*THE TASK*. Tally the lines in these records that hold the string "direction", and reply with the number alone.

*INPUT MATERIAL*.
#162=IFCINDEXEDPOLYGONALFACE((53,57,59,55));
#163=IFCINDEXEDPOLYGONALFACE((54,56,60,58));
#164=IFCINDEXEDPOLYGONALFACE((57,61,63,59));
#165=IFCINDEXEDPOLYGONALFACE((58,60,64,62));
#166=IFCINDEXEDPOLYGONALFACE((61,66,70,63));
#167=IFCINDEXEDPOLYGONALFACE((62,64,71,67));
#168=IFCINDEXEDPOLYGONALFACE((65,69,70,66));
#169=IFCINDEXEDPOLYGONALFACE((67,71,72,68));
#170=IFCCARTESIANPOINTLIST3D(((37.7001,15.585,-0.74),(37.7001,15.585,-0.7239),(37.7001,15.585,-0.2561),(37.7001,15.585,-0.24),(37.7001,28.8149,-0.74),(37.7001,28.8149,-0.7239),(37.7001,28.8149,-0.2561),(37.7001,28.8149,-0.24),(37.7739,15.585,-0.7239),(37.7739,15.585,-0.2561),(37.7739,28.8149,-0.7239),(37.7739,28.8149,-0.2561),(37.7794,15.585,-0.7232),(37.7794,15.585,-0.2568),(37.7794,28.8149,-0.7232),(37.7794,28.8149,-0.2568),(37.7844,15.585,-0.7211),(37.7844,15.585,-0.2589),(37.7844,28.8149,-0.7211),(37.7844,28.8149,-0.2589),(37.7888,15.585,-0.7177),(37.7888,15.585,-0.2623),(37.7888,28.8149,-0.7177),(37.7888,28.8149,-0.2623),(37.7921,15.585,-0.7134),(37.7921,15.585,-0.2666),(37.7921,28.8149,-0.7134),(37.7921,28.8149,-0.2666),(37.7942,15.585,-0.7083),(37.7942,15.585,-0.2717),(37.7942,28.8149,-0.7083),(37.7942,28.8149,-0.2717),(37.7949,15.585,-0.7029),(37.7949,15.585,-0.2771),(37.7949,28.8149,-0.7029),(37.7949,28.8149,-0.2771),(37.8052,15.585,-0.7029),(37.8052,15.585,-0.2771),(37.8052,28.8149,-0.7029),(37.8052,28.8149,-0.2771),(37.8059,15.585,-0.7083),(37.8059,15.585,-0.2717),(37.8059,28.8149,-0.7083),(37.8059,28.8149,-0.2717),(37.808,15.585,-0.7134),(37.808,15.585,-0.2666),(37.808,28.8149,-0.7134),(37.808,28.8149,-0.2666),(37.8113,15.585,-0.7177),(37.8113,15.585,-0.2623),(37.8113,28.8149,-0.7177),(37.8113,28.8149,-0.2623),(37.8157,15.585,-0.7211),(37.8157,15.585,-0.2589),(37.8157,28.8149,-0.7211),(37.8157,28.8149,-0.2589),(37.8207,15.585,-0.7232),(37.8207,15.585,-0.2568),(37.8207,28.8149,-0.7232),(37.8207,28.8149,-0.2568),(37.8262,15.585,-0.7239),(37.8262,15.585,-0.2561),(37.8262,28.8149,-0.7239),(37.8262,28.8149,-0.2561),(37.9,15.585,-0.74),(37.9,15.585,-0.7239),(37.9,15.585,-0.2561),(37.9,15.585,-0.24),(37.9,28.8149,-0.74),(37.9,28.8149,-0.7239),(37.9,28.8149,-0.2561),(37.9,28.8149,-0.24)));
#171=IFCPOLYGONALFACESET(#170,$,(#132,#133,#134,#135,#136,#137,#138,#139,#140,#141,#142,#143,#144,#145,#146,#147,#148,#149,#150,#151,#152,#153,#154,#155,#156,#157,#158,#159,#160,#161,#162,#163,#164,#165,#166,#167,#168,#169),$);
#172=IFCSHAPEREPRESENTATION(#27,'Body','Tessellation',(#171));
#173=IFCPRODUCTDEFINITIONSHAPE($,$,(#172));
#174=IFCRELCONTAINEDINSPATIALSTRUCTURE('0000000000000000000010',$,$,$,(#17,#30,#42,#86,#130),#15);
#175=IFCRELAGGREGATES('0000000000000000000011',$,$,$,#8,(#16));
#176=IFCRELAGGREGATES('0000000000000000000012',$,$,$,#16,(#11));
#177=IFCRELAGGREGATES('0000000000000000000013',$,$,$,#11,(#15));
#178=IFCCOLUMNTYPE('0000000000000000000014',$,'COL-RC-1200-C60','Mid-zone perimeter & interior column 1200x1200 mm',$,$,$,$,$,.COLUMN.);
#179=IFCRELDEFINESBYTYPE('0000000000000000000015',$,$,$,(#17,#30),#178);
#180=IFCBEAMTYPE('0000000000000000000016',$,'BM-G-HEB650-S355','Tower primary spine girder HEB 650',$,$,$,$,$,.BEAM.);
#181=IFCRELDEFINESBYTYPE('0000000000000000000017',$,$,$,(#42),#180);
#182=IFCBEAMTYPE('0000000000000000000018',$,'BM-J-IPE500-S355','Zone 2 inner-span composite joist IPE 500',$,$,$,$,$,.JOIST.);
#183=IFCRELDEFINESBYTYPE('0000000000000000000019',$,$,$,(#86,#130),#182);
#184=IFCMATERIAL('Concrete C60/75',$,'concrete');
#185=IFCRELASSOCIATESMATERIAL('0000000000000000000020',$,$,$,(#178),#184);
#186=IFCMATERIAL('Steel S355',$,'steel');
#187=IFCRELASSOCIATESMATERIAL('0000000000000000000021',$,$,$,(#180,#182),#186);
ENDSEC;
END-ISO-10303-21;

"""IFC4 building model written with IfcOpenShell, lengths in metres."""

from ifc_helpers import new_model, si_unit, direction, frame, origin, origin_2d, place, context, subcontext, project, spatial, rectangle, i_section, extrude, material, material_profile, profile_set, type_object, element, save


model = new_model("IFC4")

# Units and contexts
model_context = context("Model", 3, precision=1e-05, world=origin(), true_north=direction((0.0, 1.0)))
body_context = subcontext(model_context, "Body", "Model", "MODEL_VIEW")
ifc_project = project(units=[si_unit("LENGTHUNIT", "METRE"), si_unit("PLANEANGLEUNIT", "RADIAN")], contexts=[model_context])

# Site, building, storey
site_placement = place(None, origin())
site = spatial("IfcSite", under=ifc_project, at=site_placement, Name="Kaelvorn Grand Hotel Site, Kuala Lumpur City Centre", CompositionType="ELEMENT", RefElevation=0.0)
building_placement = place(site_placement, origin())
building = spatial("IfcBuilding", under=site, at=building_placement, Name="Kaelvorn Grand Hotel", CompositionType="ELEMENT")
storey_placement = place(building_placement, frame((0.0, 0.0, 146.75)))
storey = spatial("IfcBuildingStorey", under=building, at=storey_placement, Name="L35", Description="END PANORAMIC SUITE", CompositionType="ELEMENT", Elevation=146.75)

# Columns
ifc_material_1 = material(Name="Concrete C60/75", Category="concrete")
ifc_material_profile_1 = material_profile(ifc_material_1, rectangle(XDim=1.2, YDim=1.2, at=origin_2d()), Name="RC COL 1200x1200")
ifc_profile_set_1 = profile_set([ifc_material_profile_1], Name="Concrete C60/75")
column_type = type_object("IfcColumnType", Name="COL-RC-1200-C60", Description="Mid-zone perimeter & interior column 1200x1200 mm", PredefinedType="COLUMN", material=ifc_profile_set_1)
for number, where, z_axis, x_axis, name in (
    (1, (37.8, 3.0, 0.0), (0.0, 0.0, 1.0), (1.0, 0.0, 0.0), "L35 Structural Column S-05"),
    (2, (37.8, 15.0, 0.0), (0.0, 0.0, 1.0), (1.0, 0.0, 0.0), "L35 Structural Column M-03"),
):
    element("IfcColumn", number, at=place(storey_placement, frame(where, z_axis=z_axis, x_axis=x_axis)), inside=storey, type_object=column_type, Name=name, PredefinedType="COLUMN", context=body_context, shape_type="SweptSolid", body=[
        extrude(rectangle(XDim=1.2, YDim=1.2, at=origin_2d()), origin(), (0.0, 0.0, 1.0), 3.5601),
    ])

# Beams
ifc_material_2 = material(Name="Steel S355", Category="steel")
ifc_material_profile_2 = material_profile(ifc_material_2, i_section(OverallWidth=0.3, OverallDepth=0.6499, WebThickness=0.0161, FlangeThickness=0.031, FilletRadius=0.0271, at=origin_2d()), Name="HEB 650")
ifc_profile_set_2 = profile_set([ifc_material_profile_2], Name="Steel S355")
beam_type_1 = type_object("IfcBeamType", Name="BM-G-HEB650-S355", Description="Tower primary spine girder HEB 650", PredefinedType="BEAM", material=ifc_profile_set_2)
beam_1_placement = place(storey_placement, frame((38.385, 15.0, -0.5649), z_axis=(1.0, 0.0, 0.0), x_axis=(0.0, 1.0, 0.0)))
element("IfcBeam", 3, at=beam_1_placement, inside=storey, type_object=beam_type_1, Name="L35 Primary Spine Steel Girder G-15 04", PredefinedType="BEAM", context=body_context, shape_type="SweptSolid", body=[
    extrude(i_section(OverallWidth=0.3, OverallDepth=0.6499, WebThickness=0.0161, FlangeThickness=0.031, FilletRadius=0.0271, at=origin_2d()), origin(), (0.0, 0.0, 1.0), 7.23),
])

*EXERCISE RESULT*. 2